WHAT THE TASK REQUIRES |
The answer should be an exact repeat of the stretch of material below from the line containing "#44=IFCINDEXEDPOLYGONALFACE((3,4,16,15));" through the line containing "#52=IFCINDEXEDPOLYGONALFACE((11,12,24,23));".

DATASET RECORDS |
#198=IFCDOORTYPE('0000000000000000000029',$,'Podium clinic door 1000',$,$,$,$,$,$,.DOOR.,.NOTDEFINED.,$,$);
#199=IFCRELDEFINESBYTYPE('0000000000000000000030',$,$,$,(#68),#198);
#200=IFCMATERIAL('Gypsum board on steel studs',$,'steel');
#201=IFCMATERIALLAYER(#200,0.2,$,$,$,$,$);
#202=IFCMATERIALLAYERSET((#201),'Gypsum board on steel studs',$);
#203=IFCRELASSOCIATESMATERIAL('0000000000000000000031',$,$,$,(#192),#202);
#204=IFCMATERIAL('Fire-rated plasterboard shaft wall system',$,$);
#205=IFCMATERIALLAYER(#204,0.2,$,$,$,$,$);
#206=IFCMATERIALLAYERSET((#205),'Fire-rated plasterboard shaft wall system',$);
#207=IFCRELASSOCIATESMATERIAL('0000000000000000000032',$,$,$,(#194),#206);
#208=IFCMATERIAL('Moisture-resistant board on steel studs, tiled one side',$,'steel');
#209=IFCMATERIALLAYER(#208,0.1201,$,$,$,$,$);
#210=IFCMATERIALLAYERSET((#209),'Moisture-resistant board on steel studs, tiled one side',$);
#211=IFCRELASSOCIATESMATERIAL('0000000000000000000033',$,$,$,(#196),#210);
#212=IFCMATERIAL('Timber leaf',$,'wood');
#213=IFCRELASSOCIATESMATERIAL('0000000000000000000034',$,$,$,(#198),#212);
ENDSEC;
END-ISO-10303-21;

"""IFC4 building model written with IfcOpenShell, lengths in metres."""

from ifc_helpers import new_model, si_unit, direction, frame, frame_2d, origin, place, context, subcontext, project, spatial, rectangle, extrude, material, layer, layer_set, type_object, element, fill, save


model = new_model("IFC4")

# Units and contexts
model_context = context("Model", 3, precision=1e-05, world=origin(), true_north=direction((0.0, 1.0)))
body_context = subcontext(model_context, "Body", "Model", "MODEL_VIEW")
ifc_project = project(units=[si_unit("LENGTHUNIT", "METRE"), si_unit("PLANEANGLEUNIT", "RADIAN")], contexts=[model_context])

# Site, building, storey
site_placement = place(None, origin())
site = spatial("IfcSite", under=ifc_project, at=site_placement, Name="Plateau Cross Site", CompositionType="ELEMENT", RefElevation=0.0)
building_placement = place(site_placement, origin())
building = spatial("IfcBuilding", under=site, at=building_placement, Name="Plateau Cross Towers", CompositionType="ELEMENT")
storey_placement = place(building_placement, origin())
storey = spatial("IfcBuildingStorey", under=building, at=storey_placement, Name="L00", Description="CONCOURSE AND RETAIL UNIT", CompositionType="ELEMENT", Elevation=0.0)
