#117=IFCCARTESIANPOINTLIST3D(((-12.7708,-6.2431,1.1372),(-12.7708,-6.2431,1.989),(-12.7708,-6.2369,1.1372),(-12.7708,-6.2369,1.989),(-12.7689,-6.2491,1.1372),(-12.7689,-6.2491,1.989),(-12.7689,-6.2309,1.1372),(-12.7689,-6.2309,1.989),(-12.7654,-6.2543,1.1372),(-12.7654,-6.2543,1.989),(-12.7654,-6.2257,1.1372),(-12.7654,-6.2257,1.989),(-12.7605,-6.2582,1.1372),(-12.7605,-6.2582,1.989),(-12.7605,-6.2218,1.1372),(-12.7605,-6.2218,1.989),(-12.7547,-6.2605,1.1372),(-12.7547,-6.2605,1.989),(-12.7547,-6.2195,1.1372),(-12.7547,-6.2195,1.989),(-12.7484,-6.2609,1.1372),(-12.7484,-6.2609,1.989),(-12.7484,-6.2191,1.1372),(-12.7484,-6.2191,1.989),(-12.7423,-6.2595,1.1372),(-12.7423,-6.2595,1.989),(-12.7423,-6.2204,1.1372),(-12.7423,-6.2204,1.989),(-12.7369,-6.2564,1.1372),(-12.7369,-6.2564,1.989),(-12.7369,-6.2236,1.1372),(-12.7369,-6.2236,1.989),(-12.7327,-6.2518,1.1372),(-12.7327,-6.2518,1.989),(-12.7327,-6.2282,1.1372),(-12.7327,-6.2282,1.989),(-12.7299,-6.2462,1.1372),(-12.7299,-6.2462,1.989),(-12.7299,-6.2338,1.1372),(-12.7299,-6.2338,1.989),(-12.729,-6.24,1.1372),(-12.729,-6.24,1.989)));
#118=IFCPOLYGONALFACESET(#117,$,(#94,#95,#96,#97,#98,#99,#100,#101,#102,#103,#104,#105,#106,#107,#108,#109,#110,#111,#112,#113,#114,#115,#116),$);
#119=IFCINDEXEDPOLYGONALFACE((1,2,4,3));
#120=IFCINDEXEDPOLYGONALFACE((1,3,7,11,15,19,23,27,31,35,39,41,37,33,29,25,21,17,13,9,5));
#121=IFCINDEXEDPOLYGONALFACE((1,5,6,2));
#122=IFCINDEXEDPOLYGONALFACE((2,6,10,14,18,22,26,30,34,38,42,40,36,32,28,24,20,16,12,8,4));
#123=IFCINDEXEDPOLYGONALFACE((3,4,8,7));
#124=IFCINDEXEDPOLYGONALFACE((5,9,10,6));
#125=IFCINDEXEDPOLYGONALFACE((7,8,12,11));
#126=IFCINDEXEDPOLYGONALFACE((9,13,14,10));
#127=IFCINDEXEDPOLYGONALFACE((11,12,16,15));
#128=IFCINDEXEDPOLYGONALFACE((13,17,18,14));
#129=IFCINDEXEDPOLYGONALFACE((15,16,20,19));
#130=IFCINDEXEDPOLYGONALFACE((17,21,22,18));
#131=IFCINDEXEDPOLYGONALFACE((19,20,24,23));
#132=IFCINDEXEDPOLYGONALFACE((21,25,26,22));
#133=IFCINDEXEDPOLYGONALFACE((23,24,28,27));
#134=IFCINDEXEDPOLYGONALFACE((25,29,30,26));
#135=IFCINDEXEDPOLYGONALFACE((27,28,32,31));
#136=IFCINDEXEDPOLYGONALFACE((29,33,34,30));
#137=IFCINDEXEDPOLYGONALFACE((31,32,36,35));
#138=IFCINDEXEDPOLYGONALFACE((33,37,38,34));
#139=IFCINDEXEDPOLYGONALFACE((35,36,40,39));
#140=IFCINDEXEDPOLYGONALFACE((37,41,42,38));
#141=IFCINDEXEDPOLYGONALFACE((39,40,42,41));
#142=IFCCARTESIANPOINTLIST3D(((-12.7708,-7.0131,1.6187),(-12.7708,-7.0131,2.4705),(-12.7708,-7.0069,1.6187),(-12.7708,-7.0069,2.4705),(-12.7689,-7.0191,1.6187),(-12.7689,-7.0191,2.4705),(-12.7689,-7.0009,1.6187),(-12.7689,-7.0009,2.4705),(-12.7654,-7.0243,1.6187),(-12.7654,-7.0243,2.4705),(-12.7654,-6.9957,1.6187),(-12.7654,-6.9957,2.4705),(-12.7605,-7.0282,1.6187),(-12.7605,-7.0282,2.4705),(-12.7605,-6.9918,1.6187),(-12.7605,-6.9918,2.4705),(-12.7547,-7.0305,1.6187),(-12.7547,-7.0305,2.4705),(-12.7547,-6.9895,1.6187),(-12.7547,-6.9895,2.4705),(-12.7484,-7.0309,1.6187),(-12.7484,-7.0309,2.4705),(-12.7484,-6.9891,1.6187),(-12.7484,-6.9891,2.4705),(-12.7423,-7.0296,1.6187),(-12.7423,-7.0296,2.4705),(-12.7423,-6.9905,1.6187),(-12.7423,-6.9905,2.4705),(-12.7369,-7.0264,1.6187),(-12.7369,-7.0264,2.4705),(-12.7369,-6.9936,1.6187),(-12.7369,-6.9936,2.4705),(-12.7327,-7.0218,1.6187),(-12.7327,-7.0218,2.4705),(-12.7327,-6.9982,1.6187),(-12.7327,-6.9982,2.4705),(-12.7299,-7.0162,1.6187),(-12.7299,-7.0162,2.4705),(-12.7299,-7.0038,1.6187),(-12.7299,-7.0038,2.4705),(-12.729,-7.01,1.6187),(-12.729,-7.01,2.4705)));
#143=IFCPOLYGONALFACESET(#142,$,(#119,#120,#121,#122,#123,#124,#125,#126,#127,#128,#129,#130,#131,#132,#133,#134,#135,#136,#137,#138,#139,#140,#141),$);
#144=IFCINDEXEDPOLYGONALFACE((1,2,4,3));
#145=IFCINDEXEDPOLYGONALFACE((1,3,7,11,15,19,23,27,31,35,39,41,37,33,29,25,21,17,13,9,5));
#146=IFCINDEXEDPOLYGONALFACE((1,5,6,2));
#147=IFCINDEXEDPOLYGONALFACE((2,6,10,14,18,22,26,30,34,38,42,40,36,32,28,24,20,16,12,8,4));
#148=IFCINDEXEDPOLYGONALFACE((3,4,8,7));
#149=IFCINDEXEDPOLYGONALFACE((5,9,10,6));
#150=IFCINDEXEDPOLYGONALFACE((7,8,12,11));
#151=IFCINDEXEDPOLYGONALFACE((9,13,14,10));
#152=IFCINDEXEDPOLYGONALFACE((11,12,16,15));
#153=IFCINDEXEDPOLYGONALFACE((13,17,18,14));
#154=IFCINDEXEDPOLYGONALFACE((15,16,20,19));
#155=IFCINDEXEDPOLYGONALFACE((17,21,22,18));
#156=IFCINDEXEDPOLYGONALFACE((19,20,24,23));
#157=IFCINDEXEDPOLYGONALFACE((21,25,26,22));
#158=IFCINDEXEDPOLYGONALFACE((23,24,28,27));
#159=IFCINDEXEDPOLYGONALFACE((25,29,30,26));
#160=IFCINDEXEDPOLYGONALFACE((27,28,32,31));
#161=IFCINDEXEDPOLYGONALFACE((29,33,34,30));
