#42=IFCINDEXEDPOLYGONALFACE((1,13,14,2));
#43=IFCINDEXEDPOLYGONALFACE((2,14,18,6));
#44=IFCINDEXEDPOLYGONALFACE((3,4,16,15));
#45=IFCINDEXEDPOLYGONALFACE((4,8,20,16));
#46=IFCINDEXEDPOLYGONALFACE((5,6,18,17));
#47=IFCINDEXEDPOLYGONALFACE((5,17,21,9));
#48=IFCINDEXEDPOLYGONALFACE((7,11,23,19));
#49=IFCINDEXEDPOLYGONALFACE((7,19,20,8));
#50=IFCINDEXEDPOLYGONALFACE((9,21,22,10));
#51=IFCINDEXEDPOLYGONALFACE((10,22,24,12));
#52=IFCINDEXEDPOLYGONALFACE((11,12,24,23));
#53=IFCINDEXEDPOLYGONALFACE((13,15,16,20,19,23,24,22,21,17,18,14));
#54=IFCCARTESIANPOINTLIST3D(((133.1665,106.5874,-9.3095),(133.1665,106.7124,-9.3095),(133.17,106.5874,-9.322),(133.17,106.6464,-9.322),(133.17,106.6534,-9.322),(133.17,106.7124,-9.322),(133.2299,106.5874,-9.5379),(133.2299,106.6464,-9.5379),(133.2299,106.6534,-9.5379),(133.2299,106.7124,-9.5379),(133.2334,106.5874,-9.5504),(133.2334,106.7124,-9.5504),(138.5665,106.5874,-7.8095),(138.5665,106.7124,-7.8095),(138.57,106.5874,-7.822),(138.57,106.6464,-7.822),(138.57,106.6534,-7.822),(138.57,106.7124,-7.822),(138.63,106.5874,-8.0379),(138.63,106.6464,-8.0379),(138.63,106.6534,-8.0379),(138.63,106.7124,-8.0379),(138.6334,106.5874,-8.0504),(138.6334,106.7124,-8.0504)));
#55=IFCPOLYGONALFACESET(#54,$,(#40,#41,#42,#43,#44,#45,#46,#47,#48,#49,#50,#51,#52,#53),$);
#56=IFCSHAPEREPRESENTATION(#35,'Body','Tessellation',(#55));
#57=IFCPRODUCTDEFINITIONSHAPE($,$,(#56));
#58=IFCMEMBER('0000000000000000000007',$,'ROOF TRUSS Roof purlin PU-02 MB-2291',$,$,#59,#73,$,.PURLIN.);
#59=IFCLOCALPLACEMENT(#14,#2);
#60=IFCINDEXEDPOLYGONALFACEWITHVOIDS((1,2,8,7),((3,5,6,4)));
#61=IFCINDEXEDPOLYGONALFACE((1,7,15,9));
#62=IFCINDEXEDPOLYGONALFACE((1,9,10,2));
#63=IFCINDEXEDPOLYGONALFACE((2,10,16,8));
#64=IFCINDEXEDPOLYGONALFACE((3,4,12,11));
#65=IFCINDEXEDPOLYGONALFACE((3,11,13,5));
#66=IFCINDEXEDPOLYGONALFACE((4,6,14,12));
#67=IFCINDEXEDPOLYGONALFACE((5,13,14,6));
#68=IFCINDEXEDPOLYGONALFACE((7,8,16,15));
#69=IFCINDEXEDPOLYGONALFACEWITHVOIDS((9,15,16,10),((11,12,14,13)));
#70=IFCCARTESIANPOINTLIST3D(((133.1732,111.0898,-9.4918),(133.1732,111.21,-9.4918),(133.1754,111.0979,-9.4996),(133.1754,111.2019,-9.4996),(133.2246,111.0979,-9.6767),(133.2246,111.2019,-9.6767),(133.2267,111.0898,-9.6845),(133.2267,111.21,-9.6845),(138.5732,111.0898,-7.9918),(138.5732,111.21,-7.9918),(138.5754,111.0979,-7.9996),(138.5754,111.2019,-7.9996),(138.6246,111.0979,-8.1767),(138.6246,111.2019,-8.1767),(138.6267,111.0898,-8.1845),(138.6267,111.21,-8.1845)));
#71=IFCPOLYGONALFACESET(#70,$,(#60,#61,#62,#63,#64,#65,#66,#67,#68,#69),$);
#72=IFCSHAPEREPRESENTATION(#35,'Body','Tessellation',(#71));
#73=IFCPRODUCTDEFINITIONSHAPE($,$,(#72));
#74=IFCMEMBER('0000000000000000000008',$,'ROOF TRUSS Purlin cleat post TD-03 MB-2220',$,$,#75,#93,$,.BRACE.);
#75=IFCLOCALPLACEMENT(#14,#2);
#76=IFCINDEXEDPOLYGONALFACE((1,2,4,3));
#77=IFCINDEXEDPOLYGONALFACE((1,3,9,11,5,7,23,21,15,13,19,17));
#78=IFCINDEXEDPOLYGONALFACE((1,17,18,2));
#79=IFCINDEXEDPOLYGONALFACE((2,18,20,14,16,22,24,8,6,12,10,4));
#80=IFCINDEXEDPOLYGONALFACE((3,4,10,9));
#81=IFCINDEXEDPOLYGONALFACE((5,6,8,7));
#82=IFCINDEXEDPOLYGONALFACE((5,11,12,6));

ANSWER AREA |
#44=IFCINDEXEDPOLYGONALFACE((3,4,16,15));
#45=IFCINDEXEDPOLYGONALFACE((4,8,20,16));
#46=IFCINDEXEDPOLYGONALFACE((5,6,18,17));
#47=IFCINDEXEDPOLYGONALFACE((5,17,21,9));
#48=IFCINDEXEDPOLYGONALFACE((7,11,23,19));
#49=IFCINDEXEDPOLYGONALFACE((7,19,20,8));
#50=IFCINDEXEDPOLYGONALFACE((9,21,22,10));
#51=IFCINDEXEDPOLYGONALFACE((10,22,24,12));
#52=IFCINDEXEDPOLYGONALFACE((11,12,24,23));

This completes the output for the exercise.